Records from a data source
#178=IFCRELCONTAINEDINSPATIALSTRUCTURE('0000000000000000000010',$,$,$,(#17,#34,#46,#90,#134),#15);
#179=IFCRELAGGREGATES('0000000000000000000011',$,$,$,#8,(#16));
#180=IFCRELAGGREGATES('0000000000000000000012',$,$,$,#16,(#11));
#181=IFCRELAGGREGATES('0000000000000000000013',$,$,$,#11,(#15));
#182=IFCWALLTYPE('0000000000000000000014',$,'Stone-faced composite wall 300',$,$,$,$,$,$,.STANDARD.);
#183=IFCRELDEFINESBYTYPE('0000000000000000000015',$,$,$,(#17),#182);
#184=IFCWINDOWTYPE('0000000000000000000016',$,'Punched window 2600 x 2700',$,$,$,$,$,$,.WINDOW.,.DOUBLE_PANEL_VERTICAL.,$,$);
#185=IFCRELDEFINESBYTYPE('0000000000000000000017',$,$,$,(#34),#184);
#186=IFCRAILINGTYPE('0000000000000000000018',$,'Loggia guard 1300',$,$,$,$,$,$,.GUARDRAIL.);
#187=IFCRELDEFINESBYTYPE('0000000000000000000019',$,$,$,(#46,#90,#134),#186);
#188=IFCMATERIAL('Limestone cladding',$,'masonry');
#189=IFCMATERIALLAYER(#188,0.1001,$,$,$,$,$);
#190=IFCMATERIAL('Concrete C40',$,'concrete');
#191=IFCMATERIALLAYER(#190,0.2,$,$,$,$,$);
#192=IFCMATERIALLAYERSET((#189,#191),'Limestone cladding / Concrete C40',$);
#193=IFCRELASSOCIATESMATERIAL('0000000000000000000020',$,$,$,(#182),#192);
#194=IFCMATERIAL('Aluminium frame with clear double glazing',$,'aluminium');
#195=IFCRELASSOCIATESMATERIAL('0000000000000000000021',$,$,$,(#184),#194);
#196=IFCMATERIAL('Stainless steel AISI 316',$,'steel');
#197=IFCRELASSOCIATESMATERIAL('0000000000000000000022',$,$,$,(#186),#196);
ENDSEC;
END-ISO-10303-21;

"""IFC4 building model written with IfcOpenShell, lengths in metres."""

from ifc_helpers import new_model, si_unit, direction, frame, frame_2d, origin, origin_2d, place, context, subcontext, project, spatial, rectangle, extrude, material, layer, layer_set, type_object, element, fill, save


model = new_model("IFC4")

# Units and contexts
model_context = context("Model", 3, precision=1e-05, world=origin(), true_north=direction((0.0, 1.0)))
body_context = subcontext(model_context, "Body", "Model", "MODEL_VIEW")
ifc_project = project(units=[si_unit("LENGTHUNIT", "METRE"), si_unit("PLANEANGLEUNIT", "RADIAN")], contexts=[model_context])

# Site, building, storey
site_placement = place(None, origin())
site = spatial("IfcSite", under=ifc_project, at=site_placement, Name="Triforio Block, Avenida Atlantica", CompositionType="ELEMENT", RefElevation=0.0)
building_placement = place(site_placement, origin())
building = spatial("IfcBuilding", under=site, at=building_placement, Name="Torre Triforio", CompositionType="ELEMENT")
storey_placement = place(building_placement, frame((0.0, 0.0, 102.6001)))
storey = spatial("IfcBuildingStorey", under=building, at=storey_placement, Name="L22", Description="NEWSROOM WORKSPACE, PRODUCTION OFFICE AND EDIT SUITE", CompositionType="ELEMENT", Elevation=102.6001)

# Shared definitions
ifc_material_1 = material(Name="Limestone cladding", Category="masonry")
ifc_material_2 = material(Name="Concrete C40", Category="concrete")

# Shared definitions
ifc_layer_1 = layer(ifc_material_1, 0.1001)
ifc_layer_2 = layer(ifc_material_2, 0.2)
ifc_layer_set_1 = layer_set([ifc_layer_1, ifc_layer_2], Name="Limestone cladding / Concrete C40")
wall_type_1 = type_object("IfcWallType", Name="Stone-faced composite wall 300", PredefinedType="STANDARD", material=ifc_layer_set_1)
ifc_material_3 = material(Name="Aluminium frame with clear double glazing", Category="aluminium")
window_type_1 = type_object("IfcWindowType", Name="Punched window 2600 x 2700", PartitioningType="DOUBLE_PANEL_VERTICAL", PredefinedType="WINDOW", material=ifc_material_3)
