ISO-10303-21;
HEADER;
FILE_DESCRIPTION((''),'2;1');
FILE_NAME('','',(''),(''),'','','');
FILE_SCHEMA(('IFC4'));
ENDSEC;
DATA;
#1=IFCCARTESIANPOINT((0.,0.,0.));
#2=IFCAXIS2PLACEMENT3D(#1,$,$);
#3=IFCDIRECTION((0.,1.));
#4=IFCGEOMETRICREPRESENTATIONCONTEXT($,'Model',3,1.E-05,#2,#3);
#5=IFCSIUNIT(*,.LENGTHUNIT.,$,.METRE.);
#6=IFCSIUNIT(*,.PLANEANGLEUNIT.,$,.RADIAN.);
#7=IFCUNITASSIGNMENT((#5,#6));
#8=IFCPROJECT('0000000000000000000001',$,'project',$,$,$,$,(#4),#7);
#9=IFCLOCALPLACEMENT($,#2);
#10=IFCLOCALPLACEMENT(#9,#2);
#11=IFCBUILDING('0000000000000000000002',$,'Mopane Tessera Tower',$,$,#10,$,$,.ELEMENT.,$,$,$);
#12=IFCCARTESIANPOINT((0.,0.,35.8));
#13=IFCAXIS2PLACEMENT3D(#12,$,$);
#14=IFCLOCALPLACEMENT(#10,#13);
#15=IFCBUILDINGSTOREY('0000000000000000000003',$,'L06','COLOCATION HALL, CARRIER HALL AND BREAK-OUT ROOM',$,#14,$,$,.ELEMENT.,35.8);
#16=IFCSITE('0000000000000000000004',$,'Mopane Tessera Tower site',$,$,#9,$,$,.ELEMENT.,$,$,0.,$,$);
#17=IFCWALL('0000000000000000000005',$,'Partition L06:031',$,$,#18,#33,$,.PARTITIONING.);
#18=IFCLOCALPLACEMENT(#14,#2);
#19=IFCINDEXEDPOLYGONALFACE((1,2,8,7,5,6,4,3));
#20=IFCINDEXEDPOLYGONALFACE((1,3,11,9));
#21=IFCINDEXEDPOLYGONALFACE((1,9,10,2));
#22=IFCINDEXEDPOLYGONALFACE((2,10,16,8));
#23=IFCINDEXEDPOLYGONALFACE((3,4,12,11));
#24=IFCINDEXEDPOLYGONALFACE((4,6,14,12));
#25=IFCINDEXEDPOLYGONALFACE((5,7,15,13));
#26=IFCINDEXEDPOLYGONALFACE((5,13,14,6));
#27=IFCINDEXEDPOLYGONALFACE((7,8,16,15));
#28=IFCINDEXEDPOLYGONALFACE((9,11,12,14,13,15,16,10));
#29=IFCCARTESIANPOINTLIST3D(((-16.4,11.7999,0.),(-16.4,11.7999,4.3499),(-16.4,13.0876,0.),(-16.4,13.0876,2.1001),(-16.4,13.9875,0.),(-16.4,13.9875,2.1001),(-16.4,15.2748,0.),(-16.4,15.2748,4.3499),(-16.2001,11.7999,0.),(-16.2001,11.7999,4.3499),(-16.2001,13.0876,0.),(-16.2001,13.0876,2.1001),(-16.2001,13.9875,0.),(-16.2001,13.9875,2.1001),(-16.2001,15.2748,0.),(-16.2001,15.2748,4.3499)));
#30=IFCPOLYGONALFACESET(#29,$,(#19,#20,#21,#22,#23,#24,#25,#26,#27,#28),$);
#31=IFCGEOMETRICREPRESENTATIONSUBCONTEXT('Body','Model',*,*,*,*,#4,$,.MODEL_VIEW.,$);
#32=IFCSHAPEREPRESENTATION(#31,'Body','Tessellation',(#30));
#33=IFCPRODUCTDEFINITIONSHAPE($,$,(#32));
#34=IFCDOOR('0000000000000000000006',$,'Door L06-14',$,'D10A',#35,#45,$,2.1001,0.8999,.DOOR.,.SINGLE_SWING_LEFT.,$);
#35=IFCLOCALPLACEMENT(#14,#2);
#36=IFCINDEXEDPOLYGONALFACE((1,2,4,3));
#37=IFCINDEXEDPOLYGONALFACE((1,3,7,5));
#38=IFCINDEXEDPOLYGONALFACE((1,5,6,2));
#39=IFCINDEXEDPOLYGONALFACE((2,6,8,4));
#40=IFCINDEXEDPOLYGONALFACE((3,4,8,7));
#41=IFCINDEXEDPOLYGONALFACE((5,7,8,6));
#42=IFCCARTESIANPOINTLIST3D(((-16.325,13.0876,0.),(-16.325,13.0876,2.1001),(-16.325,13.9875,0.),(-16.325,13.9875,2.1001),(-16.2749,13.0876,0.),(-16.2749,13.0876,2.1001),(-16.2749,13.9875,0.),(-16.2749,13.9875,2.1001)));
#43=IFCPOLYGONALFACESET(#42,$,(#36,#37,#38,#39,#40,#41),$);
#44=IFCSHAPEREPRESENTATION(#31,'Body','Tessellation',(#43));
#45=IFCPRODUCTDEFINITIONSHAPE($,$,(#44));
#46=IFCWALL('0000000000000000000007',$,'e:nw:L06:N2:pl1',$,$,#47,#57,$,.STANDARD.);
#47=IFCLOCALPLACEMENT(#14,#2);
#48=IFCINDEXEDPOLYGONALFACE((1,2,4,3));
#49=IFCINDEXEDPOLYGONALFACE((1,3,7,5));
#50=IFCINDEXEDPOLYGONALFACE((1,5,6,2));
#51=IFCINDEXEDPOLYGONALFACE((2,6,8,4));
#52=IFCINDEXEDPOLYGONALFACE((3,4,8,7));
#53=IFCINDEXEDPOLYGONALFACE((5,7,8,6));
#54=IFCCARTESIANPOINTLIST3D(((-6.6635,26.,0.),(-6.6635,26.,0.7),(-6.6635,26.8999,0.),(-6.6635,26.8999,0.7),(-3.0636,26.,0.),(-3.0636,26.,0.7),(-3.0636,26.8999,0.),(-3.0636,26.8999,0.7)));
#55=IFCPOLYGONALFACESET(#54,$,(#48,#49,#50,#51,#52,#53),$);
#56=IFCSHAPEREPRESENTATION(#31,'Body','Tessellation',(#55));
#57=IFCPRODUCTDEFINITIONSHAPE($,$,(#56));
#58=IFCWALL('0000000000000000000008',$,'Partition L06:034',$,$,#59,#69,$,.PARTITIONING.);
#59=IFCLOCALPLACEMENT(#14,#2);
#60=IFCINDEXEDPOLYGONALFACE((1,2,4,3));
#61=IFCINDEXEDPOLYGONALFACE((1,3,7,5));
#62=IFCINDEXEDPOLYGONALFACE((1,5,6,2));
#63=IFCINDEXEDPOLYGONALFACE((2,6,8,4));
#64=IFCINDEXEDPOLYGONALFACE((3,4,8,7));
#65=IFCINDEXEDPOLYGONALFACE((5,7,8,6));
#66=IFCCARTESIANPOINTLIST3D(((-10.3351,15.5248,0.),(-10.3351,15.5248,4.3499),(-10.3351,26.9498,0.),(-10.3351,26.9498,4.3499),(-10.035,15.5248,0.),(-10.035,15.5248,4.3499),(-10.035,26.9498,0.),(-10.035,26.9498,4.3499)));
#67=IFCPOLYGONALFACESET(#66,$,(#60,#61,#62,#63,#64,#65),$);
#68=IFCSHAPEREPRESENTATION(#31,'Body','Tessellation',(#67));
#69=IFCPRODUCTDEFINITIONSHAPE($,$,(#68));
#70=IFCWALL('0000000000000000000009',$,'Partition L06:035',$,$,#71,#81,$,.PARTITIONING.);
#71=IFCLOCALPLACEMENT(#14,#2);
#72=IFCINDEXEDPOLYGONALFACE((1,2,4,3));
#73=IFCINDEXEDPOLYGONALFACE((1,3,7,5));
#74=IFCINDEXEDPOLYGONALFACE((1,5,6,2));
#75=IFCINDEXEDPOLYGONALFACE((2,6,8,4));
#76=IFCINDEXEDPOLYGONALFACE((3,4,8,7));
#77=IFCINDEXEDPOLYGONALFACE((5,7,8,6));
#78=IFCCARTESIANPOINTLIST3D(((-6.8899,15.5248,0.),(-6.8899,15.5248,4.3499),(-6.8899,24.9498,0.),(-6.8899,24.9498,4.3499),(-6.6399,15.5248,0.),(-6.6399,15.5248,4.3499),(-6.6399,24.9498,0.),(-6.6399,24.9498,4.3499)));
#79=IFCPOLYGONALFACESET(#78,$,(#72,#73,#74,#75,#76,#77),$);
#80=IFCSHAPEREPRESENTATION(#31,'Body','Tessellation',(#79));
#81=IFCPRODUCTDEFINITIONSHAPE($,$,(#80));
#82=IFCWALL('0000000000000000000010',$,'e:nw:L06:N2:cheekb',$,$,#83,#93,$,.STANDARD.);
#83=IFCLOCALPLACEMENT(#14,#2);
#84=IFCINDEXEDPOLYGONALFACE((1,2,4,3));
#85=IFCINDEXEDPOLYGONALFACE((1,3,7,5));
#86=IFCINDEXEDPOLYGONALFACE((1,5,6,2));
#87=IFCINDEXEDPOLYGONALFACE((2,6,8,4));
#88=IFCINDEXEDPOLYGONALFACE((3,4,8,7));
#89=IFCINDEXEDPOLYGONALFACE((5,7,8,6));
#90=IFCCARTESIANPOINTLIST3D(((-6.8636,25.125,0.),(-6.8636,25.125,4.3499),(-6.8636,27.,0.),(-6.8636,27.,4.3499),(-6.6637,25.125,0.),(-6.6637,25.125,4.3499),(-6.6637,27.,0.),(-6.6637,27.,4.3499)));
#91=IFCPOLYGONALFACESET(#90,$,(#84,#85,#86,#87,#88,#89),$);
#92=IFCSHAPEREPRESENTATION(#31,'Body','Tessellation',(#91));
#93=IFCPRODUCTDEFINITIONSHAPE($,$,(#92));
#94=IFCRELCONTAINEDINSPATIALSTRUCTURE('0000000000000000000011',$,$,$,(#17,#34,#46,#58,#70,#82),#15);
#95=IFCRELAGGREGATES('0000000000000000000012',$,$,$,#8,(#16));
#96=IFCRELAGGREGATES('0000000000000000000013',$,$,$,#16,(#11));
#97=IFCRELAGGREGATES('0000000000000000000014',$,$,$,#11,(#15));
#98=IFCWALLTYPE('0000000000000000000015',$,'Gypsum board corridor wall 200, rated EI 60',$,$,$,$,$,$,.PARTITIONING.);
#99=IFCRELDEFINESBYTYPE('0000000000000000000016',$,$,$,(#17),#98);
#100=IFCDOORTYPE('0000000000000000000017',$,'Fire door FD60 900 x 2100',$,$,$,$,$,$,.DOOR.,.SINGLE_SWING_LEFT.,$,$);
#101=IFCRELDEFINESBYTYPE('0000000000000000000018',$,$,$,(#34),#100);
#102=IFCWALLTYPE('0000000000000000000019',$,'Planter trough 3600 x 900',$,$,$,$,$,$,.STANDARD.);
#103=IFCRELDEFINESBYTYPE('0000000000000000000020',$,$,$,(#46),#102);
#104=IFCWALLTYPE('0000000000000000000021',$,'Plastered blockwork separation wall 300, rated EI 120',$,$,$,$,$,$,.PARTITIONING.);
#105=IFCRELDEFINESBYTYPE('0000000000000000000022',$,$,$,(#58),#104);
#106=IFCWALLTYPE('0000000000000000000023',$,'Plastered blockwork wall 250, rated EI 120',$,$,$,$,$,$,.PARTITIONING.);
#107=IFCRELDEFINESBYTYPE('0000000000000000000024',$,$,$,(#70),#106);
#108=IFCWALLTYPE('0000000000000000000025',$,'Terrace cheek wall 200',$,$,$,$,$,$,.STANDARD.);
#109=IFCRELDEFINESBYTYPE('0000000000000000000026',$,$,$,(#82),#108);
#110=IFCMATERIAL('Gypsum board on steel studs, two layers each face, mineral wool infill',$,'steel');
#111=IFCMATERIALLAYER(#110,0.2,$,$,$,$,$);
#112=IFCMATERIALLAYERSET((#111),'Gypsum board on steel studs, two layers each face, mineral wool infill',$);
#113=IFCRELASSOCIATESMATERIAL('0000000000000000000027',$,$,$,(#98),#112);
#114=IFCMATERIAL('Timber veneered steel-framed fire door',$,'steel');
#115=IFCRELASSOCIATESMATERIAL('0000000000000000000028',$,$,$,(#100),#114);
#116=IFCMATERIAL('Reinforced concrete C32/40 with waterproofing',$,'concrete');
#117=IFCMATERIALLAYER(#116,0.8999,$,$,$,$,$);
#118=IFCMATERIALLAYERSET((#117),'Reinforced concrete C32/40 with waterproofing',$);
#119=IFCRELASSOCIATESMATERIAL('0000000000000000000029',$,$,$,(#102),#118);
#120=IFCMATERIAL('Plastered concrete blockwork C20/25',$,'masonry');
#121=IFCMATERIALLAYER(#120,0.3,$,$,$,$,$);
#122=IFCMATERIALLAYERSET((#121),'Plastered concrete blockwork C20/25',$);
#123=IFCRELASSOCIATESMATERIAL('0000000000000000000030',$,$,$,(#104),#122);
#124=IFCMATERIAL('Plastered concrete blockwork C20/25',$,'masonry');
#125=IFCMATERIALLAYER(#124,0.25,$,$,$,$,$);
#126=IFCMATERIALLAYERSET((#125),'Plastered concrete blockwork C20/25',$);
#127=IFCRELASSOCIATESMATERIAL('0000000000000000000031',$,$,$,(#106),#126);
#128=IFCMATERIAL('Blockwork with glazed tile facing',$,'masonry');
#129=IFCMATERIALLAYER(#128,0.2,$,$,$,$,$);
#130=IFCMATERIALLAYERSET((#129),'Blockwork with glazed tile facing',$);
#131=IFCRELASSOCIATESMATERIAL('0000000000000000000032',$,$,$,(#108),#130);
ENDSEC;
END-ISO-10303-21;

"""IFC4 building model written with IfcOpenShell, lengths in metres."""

from ifc_helpers import new_model, si_unit, direction, frame, frame_2d, origin, place, context, subcontext, project, spatial, rectangle, extrude, material, layer, layer_set, type_object, element, fill, save


model = new_model("IFC4")

# Units and contexts
model_context = context("Model", 3, precision=1e-05, world=origin(), true_north=direction((0.0, 1.0)))
body_context = subcontext(model_context, "Body", "Model", "MODEL_VIEW")
ifc_project = project(units=[si_unit("LENGTHUNIT", "METRE"), si_unit("PLANEANGLEUNIT", "RADIAN")], contexts=[model_context])

# Site, building, storey
site_placement = place(None, origin())
site = spatial("IfcSite", under=ifc_project, at=site_placement, Name="Mopane Tessera Tower site", CompositionType="ELEMENT", RefElevation=0.0)
building_placement = place(site_placement, origin())
building = spatial("IfcBuilding", under=site, at=building_placement, Name="Mopane Tessera Tower", CompositionType="ELEMENT")
storey_placement = place(building_placement, frame((0.0, 0.0, 35.8)))
storey = spatial("IfcBuildingStorey", under=building, at=storey_placement, Name="L06", Description="COLOCATION HALL, CARRIER HALL AND BREAK-OUT ROOM", CompositionType="ELEMENT", Elevation=35.8)

# Shared definitions
ifc_material_1 = material(Name="Gypsum board on steel studs, two layers each face, mineral wool infill", Category="steel")
ifc_layer_1 = layer(ifc_material_1, 0.2)
ifc_layer_set_1 = layer_set([ifc_layer_1], Name="Gypsum board on steel studs, two layers each face, mineral wool infill")
wall_type_1 = type_object("IfcWallType", Name="Gypsum board corridor wall 200, rated EI 60", PredefinedType="PARTITIONING", material=ifc_layer_set_1)

# Wall, opening, door
wall_1_placement = place(storey_placement, frame((-16.3, 11.8, 0.0), z_axis=(0.0, 0.0, 1.0), x_axis=(0.0, 1.0, 0.0)))
wall_1 = element("IfcWall", 1, at=wall_1_placement, inside=storey, type_object=wall_type_1, Name="Partition L06:031", PredefinedType="PARTITIONING", context=body_context, shape_type="SweptSolid", body=[
    extrude(rectangle(XDim=3.4749, YDim=0.2, at=frame_2d((1.7373, 0.0))), origin(), (0.0, 0.0, 1.0), 4.3499),
])
opening_1_placement = place(wall_1_placement, frame((1.2876, 0.0, 0.0)))
opening_1 = element("IfcOpeningElement", 2, at=opening_1_placement, cuts=wall_1, PredefinedType="OPENING", context=body_context, shape_type="SweptSolid", body=[
    extrude(rectangle(XDim=0.8999, YDim=2.1001, at=frame_2d((0.45, 1.05))), frame((0.0, 0.1121, 0.0), z_axis=(0.0, -1.0, 0.0), x_axis=(1.0, 0.0, 0.0)), (0.0, 0.0, 1.0), 0.2239),
])
ifc_material_2 = material(Name="Timber veneered steel-framed fire door", Category="steel")
door_type_1 = type_object("IfcDoorType", Name="Fire door FD60 900 x 2100", OperationType="SINGLE_SWING_LEFT", PredefinedType="DOOR", material=ifc_material_2)
door_1_placement = place(opening_1_placement, origin())
door_1 = element("IfcDoor", 3, at=door_1_placement, inside=storey, type_object=door_type_1, Name="Door L06-14", ObjectType="D10A", OperationType="SINGLE_SWING_LEFT", OverallHeight=2.1001, OverallWidth=0.8999, PredefinedType="DOOR", context=body_context, shape_type="SweptSolid", body=[
    extrude(rectangle(XDim=0.8999, YDim=2.1001, at=frame_2d((0.45, 1.05))), frame((0.0, 0.0249, 0.0), z_axis=(0.0, -1.0, 0.0), x_axis=(1.0, 0.0, 0.0)), (0.0, 0.0, 1.0), 0.05),
])
fill(opening_1, door_1)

◆ **DIRECTIONS FOR THIS TASK**: Write out only the lines that run from the line containing "#45=IFCPRODUCTDEFINITIONSHAPE($,$,(#44));" through the line containing "#65=IFCINDEXEDPOLYGONALFACE((5,7,8,6));", both included, exactly as they appear above.

◆ **SOLUTION BELOW**:
#45=IFCPRODUCTDEFINITIONSHAPE($,$,(#44));
#46=IFCWALL('0000000000000000000007',$,'e:nw:L06:N2:pl1',$,$,#47,#57,$,.STANDARD.);
#47=IFCLOCALPLACEMENT(#14,#2);
#48=IFCINDEXEDPOLYGONALFACE((1,2,4,3));
#49=IFCINDEXEDPOLYGONALFACE((1,3,7,5));
#50=IFCINDEXEDPOLYGONALFACE((1,5,6,2));
#51=IFCINDEXEDPOLYGONALFACE((2,6,8,4));
#52=IFCINDEXEDPOLYGONALFACE((3,4,8,7));
#53=IFCINDEXEDPOLYGONALFACE((5,7,8,6));
#54=IFCCARTESIANPOINTLIST3D(((-6.6635,26.,0.),(-6.6635,26.,0.7),(-6.6635,26.8999,0.),(-6.6635,26.8999,0.7),(-3.0636,26.,0.),(-3.0636,26.,0.7),(-3.0636,26.8999,0.),(-3.0636,26.8999,0.7)));
#55=IFCPOLYGONALFACESET(#54,$,(#48,#49,#50,#51,#52,#53),$);
#56=IFCSHAPEREPRESENTATION(#31,'Body','Tessellation',(#55));
#57=IFCPRODUCTDEFINITIONSHAPE($,$,(#56));
#58=IFCWALL('0000000000000000000008',$,'Partition L06:034',$,$,#59,#69,$,.PARTITIONING.);
#59=IFCLOCALPLACEMENT(#14,#2);
#60=IFCINDEXEDPOLYGONALFACE((1,2,4,3));
#61=IFCINDEXEDPOLYGONALFACE((1,3,7,5));
#62=IFCINDEXEDPOLYGONALFACE((1,5,6,2));
#63=IFCINDEXEDPOLYGONALFACE((2,6,8,4));
#64=IFCINDEXEDPOLYGONALFACE((3,4,8,7));
#65=IFCINDEXEDPOLYGONALFACE((5,7,8,6));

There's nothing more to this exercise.